-------- MATERIAL SUPPLIED --------

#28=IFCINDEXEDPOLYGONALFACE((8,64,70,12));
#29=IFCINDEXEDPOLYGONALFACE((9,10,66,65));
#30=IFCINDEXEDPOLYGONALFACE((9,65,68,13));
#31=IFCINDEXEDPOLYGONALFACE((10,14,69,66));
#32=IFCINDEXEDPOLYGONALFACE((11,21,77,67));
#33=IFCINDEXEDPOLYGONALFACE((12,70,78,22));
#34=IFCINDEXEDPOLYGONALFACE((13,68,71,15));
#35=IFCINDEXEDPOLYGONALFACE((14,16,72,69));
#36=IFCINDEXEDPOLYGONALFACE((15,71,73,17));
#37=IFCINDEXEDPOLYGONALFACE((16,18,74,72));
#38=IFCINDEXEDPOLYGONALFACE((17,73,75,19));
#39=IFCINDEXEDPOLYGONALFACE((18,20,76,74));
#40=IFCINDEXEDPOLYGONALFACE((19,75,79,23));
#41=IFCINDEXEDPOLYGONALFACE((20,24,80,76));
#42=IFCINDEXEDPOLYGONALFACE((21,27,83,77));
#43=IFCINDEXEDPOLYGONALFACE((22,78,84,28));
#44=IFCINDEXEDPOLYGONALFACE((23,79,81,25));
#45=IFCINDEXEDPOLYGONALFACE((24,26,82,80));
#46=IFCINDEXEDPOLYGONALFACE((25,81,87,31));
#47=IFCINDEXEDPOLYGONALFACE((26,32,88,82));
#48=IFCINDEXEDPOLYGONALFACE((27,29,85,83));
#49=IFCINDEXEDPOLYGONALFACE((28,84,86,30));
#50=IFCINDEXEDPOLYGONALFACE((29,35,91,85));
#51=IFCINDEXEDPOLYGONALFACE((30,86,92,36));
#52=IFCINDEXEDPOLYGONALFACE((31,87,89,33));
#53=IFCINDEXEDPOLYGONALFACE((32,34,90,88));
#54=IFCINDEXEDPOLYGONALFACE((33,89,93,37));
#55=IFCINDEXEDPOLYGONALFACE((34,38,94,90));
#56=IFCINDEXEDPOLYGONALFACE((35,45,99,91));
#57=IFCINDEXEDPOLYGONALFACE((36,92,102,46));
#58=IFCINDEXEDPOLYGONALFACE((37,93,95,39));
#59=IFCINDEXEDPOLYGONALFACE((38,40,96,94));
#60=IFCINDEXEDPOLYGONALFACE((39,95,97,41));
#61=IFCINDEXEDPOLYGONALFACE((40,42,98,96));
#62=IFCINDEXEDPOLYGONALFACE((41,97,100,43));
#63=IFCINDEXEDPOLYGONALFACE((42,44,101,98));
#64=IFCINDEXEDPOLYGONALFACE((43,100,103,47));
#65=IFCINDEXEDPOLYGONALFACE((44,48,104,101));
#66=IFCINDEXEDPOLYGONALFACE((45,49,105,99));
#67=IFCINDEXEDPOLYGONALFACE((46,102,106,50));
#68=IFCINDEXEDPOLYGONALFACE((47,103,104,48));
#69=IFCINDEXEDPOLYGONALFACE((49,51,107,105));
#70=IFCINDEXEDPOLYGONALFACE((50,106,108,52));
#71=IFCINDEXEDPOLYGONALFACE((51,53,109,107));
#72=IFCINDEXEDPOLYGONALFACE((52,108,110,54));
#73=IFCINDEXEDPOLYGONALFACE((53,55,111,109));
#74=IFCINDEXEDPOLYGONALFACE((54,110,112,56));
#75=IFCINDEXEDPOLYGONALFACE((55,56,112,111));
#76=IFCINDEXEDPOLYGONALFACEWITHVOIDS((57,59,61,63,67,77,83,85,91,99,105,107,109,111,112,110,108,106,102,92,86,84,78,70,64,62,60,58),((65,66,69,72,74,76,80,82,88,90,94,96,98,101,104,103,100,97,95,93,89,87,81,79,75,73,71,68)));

--------

Repeat the data in full, exactly as supplied.

#28=IFCINDEXEDPOLYGONALFACE((8,64,70,12));
#29=IFCINDEXEDPOLYGONALFACE((9,10,66,65));
#30=IFCINDEXEDPOLYGONALFACE((9,65,68,13));
#31=IFCINDEXEDPOLYGONALFACE((10,14,69,66));
#32=IFCINDEXEDPOLYGONALFACE((11,21,77,67));
#33=IFCINDEXEDPOLYGONALFACE((12,70,78,22));
#34=IFCINDEXEDPOLYGONALFACE((13,68,71,15));
#35=IFCINDEXEDPOLYGONALFACE((14,16,72,69));
#36=IFCINDEXEDPOLYGONALFACE((15,71,73,17));
#37=IFCINDEXEDPOLYGONALFACE((16,18,74,72));
#38=IFCINDEXEDPOLYGONALFACE((17,73,75,19));
#39=IFCINDEXEDPOLYGONALFACE((18,20,76,74));
#40=IFCINDEXEDPOLYGONALFACE((19,75,79,23));
#41=IFCINDEXEDPOLYGONALFACE((20,24,80,76));
#42=IFCINDEXEDPOLYGONALFACE((21,27,83,77));
#43=IFCINDEXEDPOLYGONALFACE((22,78,84,28));
#44=IFCINDEXEDPOLYGONALFACE((23,79,81,25));
#45=IFCINDEXEDPOLYGONALFACE((24,26,82,80));
#46=IFCINDEXEDPOLYGONALFACE((25,81,87,31));
#47=IFCINDEXEDPOLYGONALFACE((26,32,88,82));
#48=IFCINDEXEDPOLYGONALFACE((27,29,85,83));
#49=IFCINDEXEDPOLYGONALFACE((28,84,86,30));
#50=IFCINDEXEDPOLYGONALFACE((29,35,91,85));
#51=IFCINDEXEDPOLYGONALFACE((30,86,92,36));
#52=IFCINDEXEDPOLYGONALFACE((31,87,89,33));
#53=IFCINDEXEDPOLYGONALFACE((32,34,90,88));
#54=IFCINDEXEDPOLYGONALFACE((33,89,93,37));
#55=IFCINDEXEDPOLYGONALFACE((34,38,94,90));
#56=IFCINDEXEDPOLYGONALFACE((35,45,99,91));
#57=IFCINDEXEDPOLYGONALFACE((36,92,102,46));
#58=IFCINDEXEDPOLYGONALFACE((37,93,95,39));
#59=IFCINDEXEDPOLYGONALFACE((38,40,96,94));
#60=IFCINDEXEDPOLYGONALFACE((39,95,97,41));
#61=IFCINDEXEDPOLYGONALFACE((40,42,98,96));
#62=IFCINDEXEDPOLYGONALFACE((41,97,100,43));
#63=IFCINDEXEDPOLYGONALFACE((42,44,101,98));
#64=IFCINDEXEDPOLYGONALFACE((43,100,103,47));
#65=IFCINDEXEDPOLYGONALFACE((44,48,104,101));
#66=IFCINDEXEDPOLYGONALFACE((45,49,105,99));
#67=IFCINDEXEDPOLYGONALFACE((46,102,106,50));
#68=IFCINDEXEDPOLYGONALFACE((47,103,104,48));
#69=IFCINDEXEDPOLYGONALFACE((49,51,107,105));
#70=IFCINDEXEDPOLYGONALFACE((50,106,108,52));
#71=IFCINDEXEDPOLYGONALFACE((51,53,109,107));
#72=IFCINDEXEDPOLYGONALFACE((52,108,110,54));
#73=IFCINDEXEDPOLYGONALFACE((53,55,111,109));
#74=IFCINDEXEDPOLYGONALFACE((54,110,112,56));
#75=IFCINDEXEDPOLYGONALFACE((55,56,112,111));
#76=IFCINDEXEDPOLYGONALFACEWITHVOIDS((57,59,61,63,67,77,83,85,91,99,105,107,109,111,112,110,108,106,102,92,86,84,78,70,64,62,60,58),((65,66,69,72,74,76,80,82,88,90,94,96,98,101,104,103,100,97,95,93,89,87,81,79,75,73,71,68)));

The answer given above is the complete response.